ACTIVITY:
Look through the lines below for the word "RefElevation", and copy every line that has it.

EXTRACTED RECORDS: Begin

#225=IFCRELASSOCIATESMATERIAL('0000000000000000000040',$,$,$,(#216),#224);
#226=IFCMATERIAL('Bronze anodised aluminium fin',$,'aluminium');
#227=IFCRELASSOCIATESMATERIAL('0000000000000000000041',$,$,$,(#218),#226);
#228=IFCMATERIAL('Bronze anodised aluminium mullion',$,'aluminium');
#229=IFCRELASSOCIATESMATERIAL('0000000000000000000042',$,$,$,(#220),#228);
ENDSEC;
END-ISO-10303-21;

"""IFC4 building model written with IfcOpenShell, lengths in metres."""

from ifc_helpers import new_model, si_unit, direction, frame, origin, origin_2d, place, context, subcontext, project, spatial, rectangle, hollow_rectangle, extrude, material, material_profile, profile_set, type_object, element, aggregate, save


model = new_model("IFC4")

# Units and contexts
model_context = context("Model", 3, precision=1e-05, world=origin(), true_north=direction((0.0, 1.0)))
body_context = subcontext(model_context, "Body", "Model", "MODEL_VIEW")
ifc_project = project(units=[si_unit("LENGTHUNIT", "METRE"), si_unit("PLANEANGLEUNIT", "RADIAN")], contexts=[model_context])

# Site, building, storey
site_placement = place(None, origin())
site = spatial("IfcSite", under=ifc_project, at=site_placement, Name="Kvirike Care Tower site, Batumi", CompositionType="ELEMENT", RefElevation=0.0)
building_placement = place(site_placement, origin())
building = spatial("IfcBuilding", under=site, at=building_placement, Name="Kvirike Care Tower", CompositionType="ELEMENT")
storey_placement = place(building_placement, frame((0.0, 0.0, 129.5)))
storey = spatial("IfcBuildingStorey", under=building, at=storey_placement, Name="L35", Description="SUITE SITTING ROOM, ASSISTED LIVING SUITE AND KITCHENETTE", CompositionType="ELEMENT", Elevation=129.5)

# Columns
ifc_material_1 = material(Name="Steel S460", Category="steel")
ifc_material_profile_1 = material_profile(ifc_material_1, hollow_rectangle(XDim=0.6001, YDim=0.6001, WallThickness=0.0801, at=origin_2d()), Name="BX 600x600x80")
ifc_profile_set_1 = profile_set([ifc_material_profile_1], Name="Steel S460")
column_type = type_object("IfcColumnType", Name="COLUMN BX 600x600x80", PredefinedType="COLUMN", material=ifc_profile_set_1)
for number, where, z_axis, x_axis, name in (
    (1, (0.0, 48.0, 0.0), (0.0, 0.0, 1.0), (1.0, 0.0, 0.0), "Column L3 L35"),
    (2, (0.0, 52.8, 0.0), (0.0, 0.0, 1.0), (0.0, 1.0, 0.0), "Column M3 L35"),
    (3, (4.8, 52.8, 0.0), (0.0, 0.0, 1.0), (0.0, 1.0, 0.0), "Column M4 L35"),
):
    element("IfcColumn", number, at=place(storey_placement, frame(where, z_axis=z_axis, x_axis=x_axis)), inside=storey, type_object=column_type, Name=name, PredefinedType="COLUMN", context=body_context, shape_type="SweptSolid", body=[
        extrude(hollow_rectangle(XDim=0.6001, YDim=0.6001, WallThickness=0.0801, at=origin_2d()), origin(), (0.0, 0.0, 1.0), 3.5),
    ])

EXTRACTED RECORDS: End
EXTRACTED RECORDS: Begin

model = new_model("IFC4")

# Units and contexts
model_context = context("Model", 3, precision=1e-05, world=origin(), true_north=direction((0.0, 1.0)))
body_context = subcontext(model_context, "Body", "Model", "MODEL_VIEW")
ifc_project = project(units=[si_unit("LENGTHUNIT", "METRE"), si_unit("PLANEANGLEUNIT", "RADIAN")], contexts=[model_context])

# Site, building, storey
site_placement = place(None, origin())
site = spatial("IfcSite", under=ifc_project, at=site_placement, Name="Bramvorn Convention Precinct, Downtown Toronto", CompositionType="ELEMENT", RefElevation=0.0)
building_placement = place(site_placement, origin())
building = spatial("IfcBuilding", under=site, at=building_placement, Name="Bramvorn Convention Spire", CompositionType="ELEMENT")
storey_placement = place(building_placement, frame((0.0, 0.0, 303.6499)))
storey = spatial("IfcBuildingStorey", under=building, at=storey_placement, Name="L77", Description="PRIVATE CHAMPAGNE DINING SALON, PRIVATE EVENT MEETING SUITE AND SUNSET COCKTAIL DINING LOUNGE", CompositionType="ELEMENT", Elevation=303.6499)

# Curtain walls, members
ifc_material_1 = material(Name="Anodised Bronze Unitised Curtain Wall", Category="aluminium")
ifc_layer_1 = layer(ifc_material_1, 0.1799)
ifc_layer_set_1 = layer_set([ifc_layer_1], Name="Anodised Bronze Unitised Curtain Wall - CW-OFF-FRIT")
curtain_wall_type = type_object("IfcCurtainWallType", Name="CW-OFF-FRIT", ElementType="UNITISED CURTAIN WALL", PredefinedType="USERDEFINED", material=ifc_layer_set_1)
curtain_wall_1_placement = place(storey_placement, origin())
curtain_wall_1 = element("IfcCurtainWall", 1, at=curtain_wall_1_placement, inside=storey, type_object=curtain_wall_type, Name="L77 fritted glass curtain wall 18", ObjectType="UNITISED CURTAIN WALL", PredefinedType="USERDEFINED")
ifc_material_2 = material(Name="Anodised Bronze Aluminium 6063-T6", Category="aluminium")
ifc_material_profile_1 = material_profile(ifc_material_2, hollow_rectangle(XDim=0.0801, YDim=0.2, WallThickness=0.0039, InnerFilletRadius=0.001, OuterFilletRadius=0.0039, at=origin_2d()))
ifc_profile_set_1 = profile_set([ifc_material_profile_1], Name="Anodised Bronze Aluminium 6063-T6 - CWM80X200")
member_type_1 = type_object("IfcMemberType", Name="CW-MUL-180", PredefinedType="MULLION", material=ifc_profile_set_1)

EXTRACTED RECORDS: End

TASK RESPONSE:
site = spatial("IfcSite", under=ifc_project, at=site_placement, Name="Kvirike Care Tower site, Batumi", CompositionType="ELEMENT", RefElevation=0.0)
site = spatial("IfcSite", under=ifc_project, at=site_placement, Name="Bramvorn Convention Precinct, Downtown Toronto", CompositionType="ELEMENT", RefElevation=0.0)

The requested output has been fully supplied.